» **PROBLEM DETAILS**: Every line in the records below between the one holding "#120=IFCINDEXEDPOLYGONALFACE((7,8,12,11));" and the one holding "#127=IFCINDEXEDPOLYGONALFACE((21,25,26,22));", inclusive, is to be set down exactly; all other lines are to be left out.

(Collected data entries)
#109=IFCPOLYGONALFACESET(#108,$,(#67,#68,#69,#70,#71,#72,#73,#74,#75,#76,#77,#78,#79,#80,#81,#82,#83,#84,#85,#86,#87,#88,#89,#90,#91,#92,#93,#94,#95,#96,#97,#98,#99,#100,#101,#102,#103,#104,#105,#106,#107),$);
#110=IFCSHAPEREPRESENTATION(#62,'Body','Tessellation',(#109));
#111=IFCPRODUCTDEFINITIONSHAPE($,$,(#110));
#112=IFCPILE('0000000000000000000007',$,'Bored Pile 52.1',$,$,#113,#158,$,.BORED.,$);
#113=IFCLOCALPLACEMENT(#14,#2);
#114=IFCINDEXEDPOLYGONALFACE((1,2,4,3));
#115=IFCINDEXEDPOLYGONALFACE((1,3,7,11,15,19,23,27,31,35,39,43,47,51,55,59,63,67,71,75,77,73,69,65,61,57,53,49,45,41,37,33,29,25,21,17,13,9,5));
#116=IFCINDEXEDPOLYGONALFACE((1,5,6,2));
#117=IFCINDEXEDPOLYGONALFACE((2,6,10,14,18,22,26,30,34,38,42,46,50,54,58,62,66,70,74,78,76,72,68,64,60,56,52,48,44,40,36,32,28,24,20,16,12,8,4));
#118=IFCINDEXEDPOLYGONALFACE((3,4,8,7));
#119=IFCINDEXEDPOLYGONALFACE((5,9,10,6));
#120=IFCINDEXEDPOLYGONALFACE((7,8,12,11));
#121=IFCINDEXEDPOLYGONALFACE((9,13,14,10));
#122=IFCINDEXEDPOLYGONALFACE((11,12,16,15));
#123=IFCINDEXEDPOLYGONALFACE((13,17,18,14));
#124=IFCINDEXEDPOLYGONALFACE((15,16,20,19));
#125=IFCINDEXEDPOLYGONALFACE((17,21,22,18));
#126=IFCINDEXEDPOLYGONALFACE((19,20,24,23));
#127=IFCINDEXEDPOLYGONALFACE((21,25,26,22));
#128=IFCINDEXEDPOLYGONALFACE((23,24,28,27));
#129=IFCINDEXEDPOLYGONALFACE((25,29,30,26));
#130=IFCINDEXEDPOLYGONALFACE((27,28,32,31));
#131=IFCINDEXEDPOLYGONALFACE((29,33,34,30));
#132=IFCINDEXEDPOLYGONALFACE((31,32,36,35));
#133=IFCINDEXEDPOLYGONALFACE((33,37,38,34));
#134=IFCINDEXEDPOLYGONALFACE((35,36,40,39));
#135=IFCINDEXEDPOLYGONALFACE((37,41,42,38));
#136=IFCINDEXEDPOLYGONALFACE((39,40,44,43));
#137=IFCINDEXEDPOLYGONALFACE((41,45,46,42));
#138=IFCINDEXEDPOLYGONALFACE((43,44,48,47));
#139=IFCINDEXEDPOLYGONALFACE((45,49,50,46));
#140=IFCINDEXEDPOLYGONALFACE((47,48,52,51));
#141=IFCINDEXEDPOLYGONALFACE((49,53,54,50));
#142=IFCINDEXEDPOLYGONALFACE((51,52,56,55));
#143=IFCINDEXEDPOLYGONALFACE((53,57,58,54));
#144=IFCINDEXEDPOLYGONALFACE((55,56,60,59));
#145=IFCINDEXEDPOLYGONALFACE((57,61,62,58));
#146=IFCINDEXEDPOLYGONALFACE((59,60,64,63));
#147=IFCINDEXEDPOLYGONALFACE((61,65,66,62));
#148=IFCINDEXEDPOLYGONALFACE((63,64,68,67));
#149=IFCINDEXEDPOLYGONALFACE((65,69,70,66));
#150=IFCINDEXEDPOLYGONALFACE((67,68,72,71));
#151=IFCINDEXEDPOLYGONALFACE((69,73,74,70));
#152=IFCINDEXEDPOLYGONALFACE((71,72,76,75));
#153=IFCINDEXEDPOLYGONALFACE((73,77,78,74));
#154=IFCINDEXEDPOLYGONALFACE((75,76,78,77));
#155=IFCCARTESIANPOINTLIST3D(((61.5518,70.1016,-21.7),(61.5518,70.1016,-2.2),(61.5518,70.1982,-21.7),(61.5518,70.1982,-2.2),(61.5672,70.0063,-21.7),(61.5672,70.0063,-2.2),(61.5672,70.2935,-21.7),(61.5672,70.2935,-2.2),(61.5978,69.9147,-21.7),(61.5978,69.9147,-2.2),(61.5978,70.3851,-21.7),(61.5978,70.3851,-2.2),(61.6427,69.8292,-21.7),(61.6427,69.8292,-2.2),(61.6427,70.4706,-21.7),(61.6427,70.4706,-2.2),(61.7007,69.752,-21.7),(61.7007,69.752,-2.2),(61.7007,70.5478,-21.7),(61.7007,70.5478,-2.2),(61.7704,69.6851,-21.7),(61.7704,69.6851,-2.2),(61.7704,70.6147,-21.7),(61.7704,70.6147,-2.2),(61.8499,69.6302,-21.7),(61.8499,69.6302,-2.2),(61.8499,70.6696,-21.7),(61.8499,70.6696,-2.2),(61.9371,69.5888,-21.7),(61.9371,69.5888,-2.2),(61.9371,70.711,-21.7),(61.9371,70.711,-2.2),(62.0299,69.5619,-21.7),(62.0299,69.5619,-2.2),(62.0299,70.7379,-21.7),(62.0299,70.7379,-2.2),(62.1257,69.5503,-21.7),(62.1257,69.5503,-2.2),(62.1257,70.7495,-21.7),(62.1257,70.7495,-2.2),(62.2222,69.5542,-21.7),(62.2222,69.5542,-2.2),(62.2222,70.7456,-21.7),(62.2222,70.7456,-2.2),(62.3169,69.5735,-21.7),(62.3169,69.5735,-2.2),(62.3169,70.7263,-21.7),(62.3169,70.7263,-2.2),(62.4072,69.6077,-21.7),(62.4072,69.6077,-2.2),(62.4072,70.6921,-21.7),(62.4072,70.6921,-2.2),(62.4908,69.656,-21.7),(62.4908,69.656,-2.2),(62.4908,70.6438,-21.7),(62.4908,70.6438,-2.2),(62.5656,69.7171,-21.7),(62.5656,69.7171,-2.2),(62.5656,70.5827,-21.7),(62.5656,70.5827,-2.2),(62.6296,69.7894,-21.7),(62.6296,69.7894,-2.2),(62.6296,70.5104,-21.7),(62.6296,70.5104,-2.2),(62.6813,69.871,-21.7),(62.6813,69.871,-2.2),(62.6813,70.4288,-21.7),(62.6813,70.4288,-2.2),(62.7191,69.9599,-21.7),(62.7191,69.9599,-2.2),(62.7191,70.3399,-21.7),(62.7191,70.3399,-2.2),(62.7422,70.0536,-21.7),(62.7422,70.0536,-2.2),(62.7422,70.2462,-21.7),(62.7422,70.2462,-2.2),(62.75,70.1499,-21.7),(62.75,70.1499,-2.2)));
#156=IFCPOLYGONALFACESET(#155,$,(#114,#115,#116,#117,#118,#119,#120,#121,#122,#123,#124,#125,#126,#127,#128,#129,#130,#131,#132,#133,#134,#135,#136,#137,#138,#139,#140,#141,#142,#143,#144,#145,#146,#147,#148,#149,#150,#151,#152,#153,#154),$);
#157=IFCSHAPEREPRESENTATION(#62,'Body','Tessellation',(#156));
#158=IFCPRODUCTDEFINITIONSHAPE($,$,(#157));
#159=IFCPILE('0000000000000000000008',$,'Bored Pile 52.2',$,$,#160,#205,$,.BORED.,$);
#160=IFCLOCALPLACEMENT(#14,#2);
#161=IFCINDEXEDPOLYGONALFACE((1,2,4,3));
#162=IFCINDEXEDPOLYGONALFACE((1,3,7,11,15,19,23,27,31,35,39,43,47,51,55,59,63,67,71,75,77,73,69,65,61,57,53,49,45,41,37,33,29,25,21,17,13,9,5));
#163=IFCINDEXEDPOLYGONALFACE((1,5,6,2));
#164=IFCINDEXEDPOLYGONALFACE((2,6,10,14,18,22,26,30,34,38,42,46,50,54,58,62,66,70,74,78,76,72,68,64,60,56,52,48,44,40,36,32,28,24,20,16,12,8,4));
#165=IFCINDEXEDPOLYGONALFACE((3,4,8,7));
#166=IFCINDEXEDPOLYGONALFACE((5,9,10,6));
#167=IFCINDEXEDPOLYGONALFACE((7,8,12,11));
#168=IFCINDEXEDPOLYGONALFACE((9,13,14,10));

» **SOLUTION TO THE EXERCISE**:
#120=IFCINDEXEDPOLYGONALFACE((7,8,12,11));
#121=IFCINDEXEDPOLYGONALFACE((9,13,14,10));
#122=IFCINDEXEDPOLYGONALFACE((11,12,16,15));
#123=IFCINDEXEDPOLYGONALFACE((13,17,18,14));
#124=IFCINDEXEDPOLYGONALFACE((15,16,20,19));
#125=IFCINDEXEDPOLYGONALFACE((17,21,22,18));
#126=IFCINDEXEDPOLYGONALFACE((19,20,24,23));
#127=IFCINDEXEDPOLYGONALFACE((21,25,26,22));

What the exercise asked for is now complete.